*** Opening of Data supplied ***

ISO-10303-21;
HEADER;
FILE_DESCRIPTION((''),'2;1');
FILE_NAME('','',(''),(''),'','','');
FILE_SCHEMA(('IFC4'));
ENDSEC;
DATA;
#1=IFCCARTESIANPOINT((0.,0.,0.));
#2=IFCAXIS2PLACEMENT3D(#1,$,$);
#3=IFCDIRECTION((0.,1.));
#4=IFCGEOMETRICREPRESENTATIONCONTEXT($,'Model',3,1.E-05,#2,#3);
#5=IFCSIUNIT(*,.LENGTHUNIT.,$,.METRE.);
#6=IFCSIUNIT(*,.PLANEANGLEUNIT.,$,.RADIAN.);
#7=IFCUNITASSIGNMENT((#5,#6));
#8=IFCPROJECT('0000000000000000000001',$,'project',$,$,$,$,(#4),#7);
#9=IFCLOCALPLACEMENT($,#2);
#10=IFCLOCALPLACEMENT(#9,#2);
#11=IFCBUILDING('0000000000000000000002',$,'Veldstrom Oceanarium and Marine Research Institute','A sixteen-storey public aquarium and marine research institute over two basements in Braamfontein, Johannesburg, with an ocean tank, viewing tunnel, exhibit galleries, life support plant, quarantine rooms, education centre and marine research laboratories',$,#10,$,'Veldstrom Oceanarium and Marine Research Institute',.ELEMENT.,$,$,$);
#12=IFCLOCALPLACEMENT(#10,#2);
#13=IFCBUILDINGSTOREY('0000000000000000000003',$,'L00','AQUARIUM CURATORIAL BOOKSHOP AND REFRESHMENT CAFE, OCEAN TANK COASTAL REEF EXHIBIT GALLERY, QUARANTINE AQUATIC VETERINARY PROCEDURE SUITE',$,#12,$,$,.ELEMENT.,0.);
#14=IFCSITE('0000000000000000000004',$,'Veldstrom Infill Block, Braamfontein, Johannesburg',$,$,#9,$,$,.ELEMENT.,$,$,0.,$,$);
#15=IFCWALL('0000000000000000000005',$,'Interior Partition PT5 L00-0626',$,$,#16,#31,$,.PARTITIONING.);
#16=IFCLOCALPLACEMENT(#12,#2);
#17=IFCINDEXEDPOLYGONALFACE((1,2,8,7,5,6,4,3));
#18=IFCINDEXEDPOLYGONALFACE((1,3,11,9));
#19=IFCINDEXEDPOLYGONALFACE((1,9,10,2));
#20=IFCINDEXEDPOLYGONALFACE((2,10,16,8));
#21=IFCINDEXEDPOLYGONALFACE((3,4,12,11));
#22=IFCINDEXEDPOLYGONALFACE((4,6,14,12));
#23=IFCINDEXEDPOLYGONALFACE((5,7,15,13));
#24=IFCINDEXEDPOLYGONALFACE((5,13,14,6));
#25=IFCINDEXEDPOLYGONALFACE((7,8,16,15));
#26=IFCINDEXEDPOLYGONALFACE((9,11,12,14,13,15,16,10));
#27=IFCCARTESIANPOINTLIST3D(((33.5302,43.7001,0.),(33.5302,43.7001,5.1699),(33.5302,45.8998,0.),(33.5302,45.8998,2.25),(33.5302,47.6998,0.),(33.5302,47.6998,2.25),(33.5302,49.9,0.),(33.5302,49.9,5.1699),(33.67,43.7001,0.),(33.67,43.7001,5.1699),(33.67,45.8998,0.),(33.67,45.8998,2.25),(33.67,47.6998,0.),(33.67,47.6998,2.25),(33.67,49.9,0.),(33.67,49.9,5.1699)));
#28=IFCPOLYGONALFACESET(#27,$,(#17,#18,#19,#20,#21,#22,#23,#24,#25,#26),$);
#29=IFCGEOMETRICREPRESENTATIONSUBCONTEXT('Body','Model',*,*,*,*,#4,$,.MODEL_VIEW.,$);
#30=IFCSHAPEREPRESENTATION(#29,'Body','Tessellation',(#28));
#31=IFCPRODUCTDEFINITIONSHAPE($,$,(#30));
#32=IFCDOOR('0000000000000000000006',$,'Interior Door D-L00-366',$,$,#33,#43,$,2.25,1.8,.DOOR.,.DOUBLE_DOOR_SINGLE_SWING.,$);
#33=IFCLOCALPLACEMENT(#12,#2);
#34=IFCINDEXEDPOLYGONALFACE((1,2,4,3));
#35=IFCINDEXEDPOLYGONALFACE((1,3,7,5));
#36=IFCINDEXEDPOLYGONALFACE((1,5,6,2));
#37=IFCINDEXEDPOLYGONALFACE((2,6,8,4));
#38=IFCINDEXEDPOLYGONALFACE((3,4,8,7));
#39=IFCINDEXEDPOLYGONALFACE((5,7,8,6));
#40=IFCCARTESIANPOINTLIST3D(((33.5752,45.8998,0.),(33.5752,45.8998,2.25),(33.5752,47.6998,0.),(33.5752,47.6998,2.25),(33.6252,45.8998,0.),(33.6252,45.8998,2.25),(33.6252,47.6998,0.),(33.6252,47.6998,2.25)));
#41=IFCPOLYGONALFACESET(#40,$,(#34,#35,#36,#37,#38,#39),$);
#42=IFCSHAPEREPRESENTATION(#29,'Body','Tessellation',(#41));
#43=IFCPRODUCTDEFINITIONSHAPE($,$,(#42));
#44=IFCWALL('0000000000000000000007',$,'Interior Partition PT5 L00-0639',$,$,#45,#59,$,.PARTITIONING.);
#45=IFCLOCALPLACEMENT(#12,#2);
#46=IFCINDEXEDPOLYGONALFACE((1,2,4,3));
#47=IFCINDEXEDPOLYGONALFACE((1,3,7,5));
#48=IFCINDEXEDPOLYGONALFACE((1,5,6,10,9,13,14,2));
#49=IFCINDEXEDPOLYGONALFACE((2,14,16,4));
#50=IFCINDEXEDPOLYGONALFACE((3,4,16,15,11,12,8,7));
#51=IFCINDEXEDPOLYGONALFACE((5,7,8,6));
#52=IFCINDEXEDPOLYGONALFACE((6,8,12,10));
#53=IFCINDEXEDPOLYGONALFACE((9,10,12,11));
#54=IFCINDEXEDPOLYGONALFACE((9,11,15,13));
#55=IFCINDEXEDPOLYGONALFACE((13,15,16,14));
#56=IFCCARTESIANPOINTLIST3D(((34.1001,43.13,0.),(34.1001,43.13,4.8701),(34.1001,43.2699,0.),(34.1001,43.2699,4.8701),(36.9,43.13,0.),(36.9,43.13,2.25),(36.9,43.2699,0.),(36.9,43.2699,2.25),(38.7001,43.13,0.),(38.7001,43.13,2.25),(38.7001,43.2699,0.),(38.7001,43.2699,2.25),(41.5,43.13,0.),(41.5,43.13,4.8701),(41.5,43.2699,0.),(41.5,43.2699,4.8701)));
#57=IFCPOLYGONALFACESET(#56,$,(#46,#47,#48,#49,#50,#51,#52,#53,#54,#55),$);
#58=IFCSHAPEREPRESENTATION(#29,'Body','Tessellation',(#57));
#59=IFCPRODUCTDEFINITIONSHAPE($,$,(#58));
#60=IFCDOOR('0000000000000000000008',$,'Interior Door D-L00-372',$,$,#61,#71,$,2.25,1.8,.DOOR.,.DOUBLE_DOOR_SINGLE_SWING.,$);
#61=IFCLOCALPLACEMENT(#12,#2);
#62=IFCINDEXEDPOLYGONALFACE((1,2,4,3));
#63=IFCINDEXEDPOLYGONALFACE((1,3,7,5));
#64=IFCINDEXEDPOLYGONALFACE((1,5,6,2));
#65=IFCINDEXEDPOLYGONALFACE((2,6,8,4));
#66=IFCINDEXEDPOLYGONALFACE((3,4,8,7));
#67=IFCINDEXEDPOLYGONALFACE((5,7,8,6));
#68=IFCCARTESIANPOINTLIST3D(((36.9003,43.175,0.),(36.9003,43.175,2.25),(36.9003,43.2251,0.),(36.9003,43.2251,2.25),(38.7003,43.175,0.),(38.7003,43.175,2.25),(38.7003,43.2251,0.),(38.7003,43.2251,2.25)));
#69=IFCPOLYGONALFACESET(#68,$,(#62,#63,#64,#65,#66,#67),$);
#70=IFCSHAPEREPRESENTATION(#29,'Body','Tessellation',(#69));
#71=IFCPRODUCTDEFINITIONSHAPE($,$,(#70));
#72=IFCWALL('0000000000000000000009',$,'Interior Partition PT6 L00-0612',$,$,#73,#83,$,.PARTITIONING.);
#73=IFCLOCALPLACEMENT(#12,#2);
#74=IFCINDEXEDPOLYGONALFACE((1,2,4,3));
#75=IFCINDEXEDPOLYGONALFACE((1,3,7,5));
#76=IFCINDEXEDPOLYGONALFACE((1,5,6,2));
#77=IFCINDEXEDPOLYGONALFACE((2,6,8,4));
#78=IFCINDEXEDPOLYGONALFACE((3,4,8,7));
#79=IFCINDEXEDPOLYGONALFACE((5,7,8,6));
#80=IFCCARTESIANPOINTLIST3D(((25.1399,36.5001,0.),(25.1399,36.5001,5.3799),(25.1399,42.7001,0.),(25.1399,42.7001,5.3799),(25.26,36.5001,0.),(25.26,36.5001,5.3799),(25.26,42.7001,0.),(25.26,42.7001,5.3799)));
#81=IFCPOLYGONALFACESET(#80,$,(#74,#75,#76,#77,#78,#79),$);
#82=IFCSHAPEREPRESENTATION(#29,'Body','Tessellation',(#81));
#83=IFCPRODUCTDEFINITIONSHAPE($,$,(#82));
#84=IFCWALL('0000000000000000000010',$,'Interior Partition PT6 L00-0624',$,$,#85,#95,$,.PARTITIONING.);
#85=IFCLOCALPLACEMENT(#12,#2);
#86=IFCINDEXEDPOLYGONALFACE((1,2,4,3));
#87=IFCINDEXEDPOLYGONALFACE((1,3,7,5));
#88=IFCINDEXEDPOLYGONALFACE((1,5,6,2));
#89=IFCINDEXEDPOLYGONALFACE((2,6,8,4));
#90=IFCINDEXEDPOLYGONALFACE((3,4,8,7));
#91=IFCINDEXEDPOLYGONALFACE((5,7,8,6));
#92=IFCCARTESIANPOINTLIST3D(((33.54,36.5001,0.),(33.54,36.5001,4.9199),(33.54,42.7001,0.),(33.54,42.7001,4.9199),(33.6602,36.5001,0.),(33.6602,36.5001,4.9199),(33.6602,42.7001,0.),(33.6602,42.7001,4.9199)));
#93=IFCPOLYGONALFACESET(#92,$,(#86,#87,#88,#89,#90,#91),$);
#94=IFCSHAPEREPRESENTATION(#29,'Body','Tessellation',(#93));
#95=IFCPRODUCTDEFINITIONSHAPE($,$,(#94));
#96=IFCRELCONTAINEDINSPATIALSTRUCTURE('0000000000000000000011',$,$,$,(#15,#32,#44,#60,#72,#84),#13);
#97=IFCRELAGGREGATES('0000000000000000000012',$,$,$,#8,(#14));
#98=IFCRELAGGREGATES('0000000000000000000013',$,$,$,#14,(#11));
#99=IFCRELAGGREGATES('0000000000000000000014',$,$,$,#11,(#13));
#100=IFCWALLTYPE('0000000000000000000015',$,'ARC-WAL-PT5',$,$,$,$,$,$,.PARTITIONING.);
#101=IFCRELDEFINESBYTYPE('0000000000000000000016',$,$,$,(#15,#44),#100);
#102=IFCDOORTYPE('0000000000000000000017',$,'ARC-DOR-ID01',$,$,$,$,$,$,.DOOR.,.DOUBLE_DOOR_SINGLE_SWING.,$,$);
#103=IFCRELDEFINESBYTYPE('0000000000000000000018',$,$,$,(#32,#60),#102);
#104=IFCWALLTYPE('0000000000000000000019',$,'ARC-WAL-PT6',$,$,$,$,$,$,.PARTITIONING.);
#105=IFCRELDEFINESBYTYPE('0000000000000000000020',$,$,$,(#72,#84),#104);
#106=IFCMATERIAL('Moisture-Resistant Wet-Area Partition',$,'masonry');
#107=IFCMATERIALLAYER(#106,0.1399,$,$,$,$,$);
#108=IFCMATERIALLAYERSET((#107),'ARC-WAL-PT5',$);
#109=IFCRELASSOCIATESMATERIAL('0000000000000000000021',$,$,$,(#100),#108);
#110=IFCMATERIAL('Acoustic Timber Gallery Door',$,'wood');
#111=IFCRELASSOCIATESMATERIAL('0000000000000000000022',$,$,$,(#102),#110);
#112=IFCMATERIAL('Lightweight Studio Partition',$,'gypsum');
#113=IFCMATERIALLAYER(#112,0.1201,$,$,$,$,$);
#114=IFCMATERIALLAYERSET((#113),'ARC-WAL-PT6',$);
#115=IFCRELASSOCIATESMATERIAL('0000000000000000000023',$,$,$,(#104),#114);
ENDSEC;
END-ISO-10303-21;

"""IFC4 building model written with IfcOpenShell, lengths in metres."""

from ifc_helpers import new_model, si_unit, direction, frame, frame_2d, origin, place, context, subcontext, project, spatial, rectangle, extrude, material, layer, layer_set, type_object, element, fill, save


model = new_model("IFC4")

# Units and contexts
model_context = context("Model", 3, precision=1e-05, world=origin(), true_north=direction((0.0, 1.0)))
body_context = subcontext(model_context, "Body", "Model", "MODEL_VIEW")
ifc_project = project(units=[si_unit("LENGTHUNIT", "METRE"), si_unit("PLANEANGLEUNIT", "RADIAN")], contexts=[model_context])

# Site, building, storey
site_placement = place(None, origin())
site = spatial("IfcSite", under=ifc_project, at=site_placement, Name="Veldstrom Infill Block, Braamfontein, Johannesburg", CompositionType="ELEMENT", RefElevation=0.0)
building_placement = place(site_placement, origin())
building = spatial("IfcBuilding", under=site, at=building_placement, Name="Veldstrom Oceanarium and Marine Research Institute", Description="A sixteen-storey public aquarium and marine research institute over two basements in Braamfontein, Johannesburg, with an ocean tank, viewing tunnel, exhibit galleries, life support plant, quarantine rooms, education centre and marine research laboratories", LongName="Veldstrom Oceanarium and Marine Research Institute", CompositionType="ELEMENT")
storey_placement = place(building_placement, origin())
storey = spatial("IfcBuildingStorey", under=building, at=storey_placement, Name="L00", Description="AQUARIUM CURATORIAL BOOKSHOP AND REFRESHMENT CAFE, OCEAN TANK COASTAL REEF EXHIBIT GALLERY, QUARANTINE AQUATIC VETERINARY PROCEDURE SUITE", CompositionType="ELEMENT", Elevation=0.0)

# Walls, openings, doors
ifc_material_1 = material(Name="Moisture-Resistant Wet-Area Partition", Category="masonry")
ifc_layer_1 = layer(ifc_material_1, 0.1399)
ifc_layer_set_1 = layer_set([ifc_layer_1], Name="ARC-WAL-PT5")
wall_type_1 = type_object("IfcWallType", Name="ARC-WAL-PT5", PredefinedType="PARTITIONING", material=ifc_layer_set_1)
ifc_material_2 = material(Name="Acoustic Timber Gallery Door", Category="wood")
door_type_1 = type_object("IfcDoorType", Name="ARC-DOR-ID01", OperationType="DOUBLE_DOOR_SINGLE_SWING", PredefinedType="DOOR", material=ifc_material_2)
wall_1_placement = place(storey_placement, frame((33.6001, 43.7, 0.0), z_axis=(0.0, 0.0, 1.0), x_axis=(0.0, 1.0, 0.0)))
wall_1 = element("IfcWall", 1, at=wall_1_placement, inside=storey, type_object=wall_type_1, Name="Interior Partition PT5 L00-0626", PredefinedType="PARTITIONING", context=body_context, shape_type="SweptSolid", body=[
    extrude(rectangle(XDim=6.2, YDim=0.1399, at=frame_2d((3.1001, 0.0))), origin(), (0.0, 0.0, 1.0), 5.1699),
])
opening_1_placement = place(wall_1_placement, frame((2.2, 0.0, 0.0)))
opening_1 = element("IfcOpeningElement", 2, at=opening_1_placement, cuts=wall_1, PredefinedType="OPENING", context=body_context, shape_type="SweptSolid", body=[
    extrude(rectangle(XDim=1.8, YDim=2.25, at=frame_2d((0.8999, 1.125))), frame((0.0, 0.0798, 0.0), z_axis=(0.0, -1.0, 0.0), x_axis=(1.0, 0.0, 0.0)), (0.0, 0.0, 1.0), 0.1599),
])
door_1_placement = place(opening_1_placement, origin())
door_1 = element("IfcDoor", 3, at=door_1_placement, inside=storey, type_object=door_type_1, Name="Interior Door D-L00-366", OperationType="DOUBLE_DOOR_SINGLE_SWING", OverallHeight=2.25, OverallWidth=1.8, PredefinedType="DOOR", context=body_context, shape_type="SweptSolid", body=[
    extrude(rectangle(XDim=1.8, YDim=2.25, at=frame_2d((0.8999, 1.125))), frame((0.0, 0.0249, 0.0), z_axis=(0.0, -1.0, 0.0), x_axis=(1.0, 0.0, 0.0)), (0.0, 0.0, 1.0), 0.05),
])
fill(opening_1, door_1)
wall_2_placement = place(storey_placement, frame((34.1001, 43.2, 0.0), z_axis=(0.0, 0.0, 1.0), x_axis=(1.0, 0.0, 0.0)))
wall_2 = element("IfcWall", 4, at=wall_2_placement, inside=storey, type_object=wall_type_1, Name="Interior Partition PT5 L00-0639", PredefinedType="PARTITIONING", context=body_context, shape_type="SweptSolid", body=[
    extrude(rectangle(XDim=7.3999, YDim=0.1399, at=frame_2d((3.7, 0.0))), origin(), (0.0, 0.0, 1.0), 4.8701),
])
opening_2_placement = place(wall_2_placement, frame((2.8, 0.0, 0.0)))
opening_2 = element("IfcOpeningElement", 5, at=opening_2_placement, cuts=wall_2, PredefinedType="OPENING", context=body_context, shape_type="SweptSolid", body=[
    extrude(rectangle(XDim=1.8, YDim=2.25, at=frame_2d((0.8999, 1.125))), frame((0.0, 0.0798, 0.0), z_axis=(0.0, -1.0, 0.0), x_axis=(1.0, 0.0, 0.0)), (0.0, 0.0, 1.0), 0.1599),
])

*** Close of Data supplied ***

About this exercise> Both end lines included, restate word for word the lines above from the line with "#31=IFCPRODUCTDEFINITIONSHAPE($,$,(#30));" to the line with "#47=IFCINDEXEDPOLYGONALFACE((1,3,7,5));", and nothing else.

Solved problem>
#31=IFCPRODUCTDEFINITIONSHAPE($,$,(#30));
#32=IFCDOOR('0000000000000000000006',$,'Interior Door D-L00-366',$,$,#33,#43,$,2.25,1.8,.DOOR.,.DOUBLE_DOOR_SINGLE_SWING.,$);
#33=IFCLOCALPLACEMENT(#12,#2);
#34=IFCINDEXEDPOLYGONALFACE((1,2,4,3));
#35=IFCINDEXEDPOLYGONALFACE((1,3,7,5));
#36=IFCINDEXEDPOLYGONALFACE((1,5,6,2));
#37=IFCINDEXEDPOLYGONALFACE((2,6,8,4));
#38=IFCINDEXEDPOLYGONALFACE((3,4,8,7));
#39=IFCINDEXEDPOLYGONALFACE((5,7,8,6));
#40=IFCCARTESIANPOINTLIST3D(((33.5752,45.8998,0.),(33.5752,45.8998,2.25),(33.5752,47.6998,0.),(33.5752,47.6998,2.25),(33.6252,45.8998,0.),(33.6252,45.8998,2.25),(33.6252,47.6998,0.),(33.6252,47.6998,2.25)));
#41=IFCPOLYGONALFACESET(#40,$,(#34,#35,#36,#37,#38,#39),$);
#42=IFCSHAPEREPRESENTATION(#29,'Body','Tessellation',(#41));
#43=IFCPRODUCTDEFINITIONSHAPE($,$,(#42));
#44=IFCWALL('0000000000000000000007',$,'Interior Partition PT5 L00-0639',$,$,#45,#59,$,.PARTITIONING.);
#45=IFCLOCALPLACEMENT(#12,#2);
#46=IFCINDEXEDPOLYGONALFACE((1,2,4,3));
#47=IFCINDEXEDPOLYGONALFACE((1,3,7,5));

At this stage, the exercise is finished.